#### PROBLEM DESCRIPTION
Which lines of the material contain the word "Category"? Show each one.

+++ DATA RECORDS +++

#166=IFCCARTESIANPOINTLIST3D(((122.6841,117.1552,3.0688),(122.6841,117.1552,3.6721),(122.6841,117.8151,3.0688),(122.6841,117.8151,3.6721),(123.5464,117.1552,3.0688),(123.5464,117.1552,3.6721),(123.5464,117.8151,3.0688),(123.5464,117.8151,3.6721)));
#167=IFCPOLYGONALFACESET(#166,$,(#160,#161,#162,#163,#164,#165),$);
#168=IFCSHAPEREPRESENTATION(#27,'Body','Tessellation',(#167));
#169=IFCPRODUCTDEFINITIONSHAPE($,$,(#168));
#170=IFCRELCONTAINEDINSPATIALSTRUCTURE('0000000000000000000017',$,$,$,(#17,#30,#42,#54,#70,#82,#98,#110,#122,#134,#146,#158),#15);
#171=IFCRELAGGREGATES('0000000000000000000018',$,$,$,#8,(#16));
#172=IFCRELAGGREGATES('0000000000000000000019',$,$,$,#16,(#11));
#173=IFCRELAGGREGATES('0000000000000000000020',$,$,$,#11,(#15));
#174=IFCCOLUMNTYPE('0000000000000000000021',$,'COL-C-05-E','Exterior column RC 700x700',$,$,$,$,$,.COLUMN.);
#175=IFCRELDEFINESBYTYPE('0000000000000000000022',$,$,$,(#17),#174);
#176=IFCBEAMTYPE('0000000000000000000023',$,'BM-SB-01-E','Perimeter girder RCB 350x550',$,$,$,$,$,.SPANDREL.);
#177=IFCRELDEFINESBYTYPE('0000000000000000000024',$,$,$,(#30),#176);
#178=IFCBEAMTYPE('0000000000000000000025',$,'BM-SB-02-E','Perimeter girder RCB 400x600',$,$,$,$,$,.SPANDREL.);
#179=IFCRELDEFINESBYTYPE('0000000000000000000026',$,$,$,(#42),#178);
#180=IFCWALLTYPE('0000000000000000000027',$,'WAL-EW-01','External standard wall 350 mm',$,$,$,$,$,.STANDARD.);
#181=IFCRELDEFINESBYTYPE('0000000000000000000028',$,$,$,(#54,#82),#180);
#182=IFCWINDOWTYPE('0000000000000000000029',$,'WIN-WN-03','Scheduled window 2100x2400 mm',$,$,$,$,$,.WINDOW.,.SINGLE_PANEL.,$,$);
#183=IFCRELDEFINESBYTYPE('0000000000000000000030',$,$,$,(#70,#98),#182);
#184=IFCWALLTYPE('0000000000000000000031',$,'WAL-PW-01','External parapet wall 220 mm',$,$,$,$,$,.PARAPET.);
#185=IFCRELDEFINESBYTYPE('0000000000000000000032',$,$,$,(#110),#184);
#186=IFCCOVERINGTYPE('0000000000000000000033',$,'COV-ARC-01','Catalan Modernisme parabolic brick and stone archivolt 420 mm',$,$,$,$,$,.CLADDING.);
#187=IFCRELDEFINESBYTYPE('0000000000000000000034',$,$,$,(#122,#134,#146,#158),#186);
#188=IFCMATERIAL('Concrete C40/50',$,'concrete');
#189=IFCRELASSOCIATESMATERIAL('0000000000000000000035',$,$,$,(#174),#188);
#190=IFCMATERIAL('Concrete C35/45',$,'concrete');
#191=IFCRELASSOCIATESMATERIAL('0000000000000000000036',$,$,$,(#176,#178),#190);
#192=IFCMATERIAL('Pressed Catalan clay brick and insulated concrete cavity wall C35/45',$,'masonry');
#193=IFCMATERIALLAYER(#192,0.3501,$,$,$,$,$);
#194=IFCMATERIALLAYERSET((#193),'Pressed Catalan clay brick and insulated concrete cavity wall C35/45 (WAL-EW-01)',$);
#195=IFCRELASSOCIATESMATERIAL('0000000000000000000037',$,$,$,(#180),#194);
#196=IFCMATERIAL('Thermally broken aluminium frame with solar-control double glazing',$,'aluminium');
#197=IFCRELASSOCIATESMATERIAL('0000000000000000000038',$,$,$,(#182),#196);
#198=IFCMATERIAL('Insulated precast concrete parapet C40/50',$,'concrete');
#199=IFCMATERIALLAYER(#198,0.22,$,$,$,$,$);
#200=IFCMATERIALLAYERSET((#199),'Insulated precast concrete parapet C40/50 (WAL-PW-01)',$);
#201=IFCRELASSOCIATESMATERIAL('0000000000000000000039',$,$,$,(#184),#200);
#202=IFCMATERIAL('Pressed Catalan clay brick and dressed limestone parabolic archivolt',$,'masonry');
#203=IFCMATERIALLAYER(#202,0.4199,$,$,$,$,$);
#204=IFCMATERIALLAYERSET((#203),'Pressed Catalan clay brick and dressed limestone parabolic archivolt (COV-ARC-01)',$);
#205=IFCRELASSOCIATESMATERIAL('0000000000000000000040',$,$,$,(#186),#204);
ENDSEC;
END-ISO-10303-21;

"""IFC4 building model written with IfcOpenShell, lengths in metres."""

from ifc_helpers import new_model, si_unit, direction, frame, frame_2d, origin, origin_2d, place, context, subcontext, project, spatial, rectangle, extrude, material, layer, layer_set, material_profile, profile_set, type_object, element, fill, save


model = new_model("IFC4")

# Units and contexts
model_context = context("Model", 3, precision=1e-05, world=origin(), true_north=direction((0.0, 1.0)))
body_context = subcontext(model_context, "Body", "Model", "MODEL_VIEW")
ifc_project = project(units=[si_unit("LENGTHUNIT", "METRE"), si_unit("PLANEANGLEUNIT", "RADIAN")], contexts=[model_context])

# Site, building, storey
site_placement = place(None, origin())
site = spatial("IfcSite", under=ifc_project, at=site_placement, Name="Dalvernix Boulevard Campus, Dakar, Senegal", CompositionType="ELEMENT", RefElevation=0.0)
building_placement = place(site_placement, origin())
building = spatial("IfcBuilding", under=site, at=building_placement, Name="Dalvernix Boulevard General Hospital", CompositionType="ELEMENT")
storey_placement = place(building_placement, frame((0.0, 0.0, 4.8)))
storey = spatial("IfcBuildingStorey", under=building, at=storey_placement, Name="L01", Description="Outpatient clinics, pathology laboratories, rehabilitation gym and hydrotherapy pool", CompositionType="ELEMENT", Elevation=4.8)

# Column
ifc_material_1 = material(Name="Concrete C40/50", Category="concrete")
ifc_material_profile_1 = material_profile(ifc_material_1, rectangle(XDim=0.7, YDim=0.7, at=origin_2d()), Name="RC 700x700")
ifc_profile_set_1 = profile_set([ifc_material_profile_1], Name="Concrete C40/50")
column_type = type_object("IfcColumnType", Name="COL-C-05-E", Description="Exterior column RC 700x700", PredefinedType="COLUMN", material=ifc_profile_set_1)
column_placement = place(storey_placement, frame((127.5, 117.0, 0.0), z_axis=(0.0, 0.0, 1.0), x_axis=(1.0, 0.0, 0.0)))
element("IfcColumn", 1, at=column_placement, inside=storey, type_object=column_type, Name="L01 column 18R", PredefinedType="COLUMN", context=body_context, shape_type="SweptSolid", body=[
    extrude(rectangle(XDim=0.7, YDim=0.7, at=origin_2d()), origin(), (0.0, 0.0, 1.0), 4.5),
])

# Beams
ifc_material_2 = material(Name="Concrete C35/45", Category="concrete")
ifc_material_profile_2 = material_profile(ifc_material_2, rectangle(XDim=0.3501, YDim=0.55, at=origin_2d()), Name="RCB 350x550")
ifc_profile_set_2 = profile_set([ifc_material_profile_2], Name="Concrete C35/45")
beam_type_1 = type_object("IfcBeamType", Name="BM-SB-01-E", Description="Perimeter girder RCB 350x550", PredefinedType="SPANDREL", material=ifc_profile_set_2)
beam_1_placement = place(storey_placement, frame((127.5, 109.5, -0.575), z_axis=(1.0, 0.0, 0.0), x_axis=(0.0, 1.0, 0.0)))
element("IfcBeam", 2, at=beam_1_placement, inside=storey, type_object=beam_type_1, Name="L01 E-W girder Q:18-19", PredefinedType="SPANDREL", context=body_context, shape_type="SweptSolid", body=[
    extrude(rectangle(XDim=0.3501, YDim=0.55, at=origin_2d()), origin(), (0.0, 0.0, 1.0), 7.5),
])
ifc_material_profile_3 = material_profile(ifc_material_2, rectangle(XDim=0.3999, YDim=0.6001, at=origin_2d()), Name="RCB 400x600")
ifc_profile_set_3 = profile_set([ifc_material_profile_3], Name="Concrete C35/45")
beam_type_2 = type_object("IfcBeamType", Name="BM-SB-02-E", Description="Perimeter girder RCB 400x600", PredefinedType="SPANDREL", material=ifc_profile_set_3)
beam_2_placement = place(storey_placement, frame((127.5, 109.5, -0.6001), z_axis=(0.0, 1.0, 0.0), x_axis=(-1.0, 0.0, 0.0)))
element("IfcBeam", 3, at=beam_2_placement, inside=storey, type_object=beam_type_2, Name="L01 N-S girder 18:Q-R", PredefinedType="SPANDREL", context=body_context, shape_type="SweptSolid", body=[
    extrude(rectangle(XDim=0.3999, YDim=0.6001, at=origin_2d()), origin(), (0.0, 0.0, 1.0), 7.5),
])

+++

#### ANSWER FOR THIS EXERCISE
ifc_material_1 = material(Name="Concrete C40/50", Category="concrete")
ifc_material_2 = material(Name="Concrete C35/45", Category="concrete")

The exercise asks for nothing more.